The records appear below. Repeat them exactly.

━━━ Records for this exercise

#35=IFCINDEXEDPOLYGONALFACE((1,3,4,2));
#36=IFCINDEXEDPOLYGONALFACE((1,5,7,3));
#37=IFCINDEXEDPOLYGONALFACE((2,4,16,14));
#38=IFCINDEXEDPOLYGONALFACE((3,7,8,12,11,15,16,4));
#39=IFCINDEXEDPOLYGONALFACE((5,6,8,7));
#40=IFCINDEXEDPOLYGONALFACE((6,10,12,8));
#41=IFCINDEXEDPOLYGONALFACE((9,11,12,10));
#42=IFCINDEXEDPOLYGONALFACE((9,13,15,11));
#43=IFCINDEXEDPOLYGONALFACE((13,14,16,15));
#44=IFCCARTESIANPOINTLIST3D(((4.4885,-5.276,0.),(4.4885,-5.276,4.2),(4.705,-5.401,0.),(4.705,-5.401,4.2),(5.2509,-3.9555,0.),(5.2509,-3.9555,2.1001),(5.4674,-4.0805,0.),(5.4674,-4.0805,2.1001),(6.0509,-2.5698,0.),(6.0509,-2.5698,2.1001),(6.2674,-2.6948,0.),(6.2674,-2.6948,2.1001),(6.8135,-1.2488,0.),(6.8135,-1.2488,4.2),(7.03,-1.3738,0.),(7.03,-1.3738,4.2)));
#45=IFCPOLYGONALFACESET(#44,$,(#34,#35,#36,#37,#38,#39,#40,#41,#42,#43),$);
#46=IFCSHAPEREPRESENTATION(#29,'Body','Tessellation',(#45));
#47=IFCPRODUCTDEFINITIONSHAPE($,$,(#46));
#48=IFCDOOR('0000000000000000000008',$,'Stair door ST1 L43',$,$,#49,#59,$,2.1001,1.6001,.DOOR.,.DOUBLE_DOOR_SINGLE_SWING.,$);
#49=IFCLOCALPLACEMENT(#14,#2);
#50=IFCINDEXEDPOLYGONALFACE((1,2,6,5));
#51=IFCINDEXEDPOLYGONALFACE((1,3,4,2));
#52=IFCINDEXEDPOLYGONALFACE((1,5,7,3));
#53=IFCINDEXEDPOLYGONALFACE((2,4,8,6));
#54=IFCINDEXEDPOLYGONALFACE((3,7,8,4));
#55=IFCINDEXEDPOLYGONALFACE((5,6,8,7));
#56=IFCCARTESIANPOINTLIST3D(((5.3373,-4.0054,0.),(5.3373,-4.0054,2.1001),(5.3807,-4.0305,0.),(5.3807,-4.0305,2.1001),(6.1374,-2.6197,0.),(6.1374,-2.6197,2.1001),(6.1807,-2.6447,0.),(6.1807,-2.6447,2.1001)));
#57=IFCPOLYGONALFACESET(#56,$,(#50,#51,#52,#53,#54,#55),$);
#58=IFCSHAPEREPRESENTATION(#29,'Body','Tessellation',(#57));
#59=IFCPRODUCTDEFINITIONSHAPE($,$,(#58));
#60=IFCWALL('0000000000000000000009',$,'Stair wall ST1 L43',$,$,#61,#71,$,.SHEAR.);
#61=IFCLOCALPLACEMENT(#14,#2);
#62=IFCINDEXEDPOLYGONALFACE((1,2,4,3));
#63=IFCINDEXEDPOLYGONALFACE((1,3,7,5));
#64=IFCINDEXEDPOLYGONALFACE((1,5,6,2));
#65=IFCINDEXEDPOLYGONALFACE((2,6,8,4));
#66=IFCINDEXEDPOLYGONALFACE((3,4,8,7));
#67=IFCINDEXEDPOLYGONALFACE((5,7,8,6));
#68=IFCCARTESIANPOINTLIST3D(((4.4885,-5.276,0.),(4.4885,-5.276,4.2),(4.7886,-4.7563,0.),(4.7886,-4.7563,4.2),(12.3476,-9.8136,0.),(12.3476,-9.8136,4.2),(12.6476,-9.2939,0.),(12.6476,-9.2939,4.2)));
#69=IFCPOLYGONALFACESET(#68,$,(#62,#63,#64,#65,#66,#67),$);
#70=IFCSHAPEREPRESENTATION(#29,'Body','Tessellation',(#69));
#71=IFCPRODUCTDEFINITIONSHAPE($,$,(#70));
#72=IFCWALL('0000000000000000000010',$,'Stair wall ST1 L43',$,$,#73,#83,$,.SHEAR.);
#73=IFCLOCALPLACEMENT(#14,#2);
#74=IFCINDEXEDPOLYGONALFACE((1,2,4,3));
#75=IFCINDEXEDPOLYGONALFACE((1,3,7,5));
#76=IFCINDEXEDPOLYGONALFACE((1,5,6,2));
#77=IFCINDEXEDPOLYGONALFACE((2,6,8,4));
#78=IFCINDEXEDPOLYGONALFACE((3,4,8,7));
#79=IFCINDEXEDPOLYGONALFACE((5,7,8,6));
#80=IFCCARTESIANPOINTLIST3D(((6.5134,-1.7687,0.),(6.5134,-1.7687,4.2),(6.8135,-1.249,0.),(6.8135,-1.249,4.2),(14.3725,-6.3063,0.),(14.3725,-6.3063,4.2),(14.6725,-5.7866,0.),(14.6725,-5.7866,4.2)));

━━━━━━

Exercise solution ▸
#35=IFCINDEXEDPOLYGONALFACE((1,3,4,2));
#36=IFCINDEXEDPOLYGONALFACE((1,5,7,3));
#37=IFCINDEXEDPOLYGONALFACE((2,4,16,14));
#38=IFCINDEXEDPOLYGONALFACE((3,7,8,12,11,15,16,4));
#39=IFCINDEXEDPOLYGONALFACE((5,6,8,7));
#40=IFCINDEXEDPOLYGONALFACE((6,10,12,8));
#41=IFCINDEXEDPOLYGONALFACE((9,11,12,10));
#42=IFCINDEXEDPOLYGONALFACE((9,13,15,11));
#43=IFCINDEXEDPOLYGONALFACE((13,14,16,15));
#44=IFCCARTESIANPOINTLIST3D(((4.4885,-5.276,0.),(4.4885,-5.276,4.2),(4.705,-5.401,0.),(4.705,-5.401,4.2),(5.2509,-3.9555,0.),(5.2509,-3.9555,2.1001),(5.4674,-4.0805,0.),(5.4674,-4.0805,2.1001),(6.0509,-2.5698,0.),(6.0509,-2.5698,2.1001),(6.2674,-2.6948,0.),(6.2674,-2.6948,2.1001),(6.8135,-1.2488,0.),(6.8135,-1.2488,4.2),(7.03,-1.3738,0.),(7.03,-1.3738,4.2)));
#45=IFCPOLYGONALFACESET(#44,$,(#34,#35,#36,#37,#38,#39,#40,#41,#42,#43),$);
#46=IFCSHAPEREPRESENTATION(#29,'Body','Tessellation',(#45));
#47=IFCPRODUCTDEFINITIONSHAPE($,$,(#46));
#48=IFCDOOR('0000000000000000000008',$,'Stair door ST1 L43',$,$,#49,#59,$,2.1001,1.6001,.DOOR.,.DOUBLE_DOOR_SINGLE_SWING.,$);
#49=IFCLOCALPLACEMENT(#14,#2);
#50=IFCINDEXEDPOLYGONALFACE((1,2,6,5));
#51=IFCINDEXEDPOLYGONALFACE((1,3,4,2));
#52=IFCINDEXEDPOLYGONALFACE((1,5,7,3));
#53=IFCINDEXEDPOLYGONALFACE((2,4,8,6));
#54=IFCINDEXEDPOLYGONALFACE((3,7,8,4));
#55=IFCINDEXEDPOLYGONALFACE((5,6,8,7));
#56=IFCCARTESIANPOINTLIST3D(((5.3373,-4.0054,0.),(5.3373,-4.0054,2.1001),(5.3807,-4.0305,0.),(5.3807,-4.0305,2.1001),(6.1374,-2.6197,0.),(6.1374,-2.6197,2.1001),(6.1807,-2.6447,0.),(6.1807,-2.6447,2.1001)));
#57=IFCPOLYGONALFACESET(#56,$,(#50,#51,#52,#53,#54,#55),$);
#58=IFCSHAPEREPRESENTATION(#29,'Body','Tessellation',(#57));
#59=IFCPRODUCTDEFINITIONSHAPE($,$,(#58));
#60=IFCWALL('0000000000000000000009',$,'Stair wall ST1 L43',$,$,#61,#71,$,.SHEAR.);
#61=IFCLOCALPLACEMENT(#14,#2);
#62=IFCINDEXEDPOLYGONALFACE((1,2,4,3));
#63=IFCINDEXEDPOLYGONALFACE((1,3,7,5));
#64=IFCINDEXEDPOLYGONALFACE((1,5,6,2));
#65=IFCINDEXEDPOLYGONALFACE((2,6,8,4));
#66=IFCINDEXEDPOLYGONALFACE((3,4,8,7));
#67=IFCINDEXEDPOLYGONALFACE((5,7,8,6));
#68=IFCCARTESIANPOINTLIST3D(((4.4885,-5.276,0.),(4.4885,-5.276,4.2),(4.7886,-4.7563,0.),(4.7886,-4.7563,4.2),(12.3476,-9.8136,0.),(12.3476,-9.8136,4.2),(12.6476,-9.2939,0.),(12.6476,-9.2939,4.2)));
#69=IFCPOLYGONALFACESET(#68,$,(#62,#63,#64,#65,#66,#67),$);
#70=IFCSHAPEREPRESENTATION(#29,'Body','Tessellation',(#69));
#71=IFCPRODUCTDEFINITIONSHAPE($,$,(#70));
#72=IFCWALL('0000000000000000000010',$,'Stair wall ST1 L43',$,$,#73,#83,$,.SHEAR.);
#73=IFCLOCALPLACEMENT(#14,#2);
#74=IFCINDEXEDPOLYGONALFACE((1,2,4,3));
#75=IFCINDEXEDPOLYGONALFACE((1,3,7,5));
#76=IFCINDEXEDPOLYGONALFACE((1,5,6,2));
#77=IFCINDEXEDPOLYGONALFACE((2,6,8,4));
#78=IFCINDEXEDPOLYGONALFACE((3,4,8,7));
#79=IFCINDEXEDPOLYGONALFACE((5,7,8,6));
#80=IFCCARTESIANPOINTLIST3D(((6.5134,-1.7687,0.),(6.5134,-1.7687,4.2),(6.8135,-1.249,0.),(6.8135,-1.249,4.2),(14.3725,-6.3063,0.),(14.3725,-6.3063,4.2),(14.6725,-5.7866,0.),(14.6725,-5.7866,4.2)));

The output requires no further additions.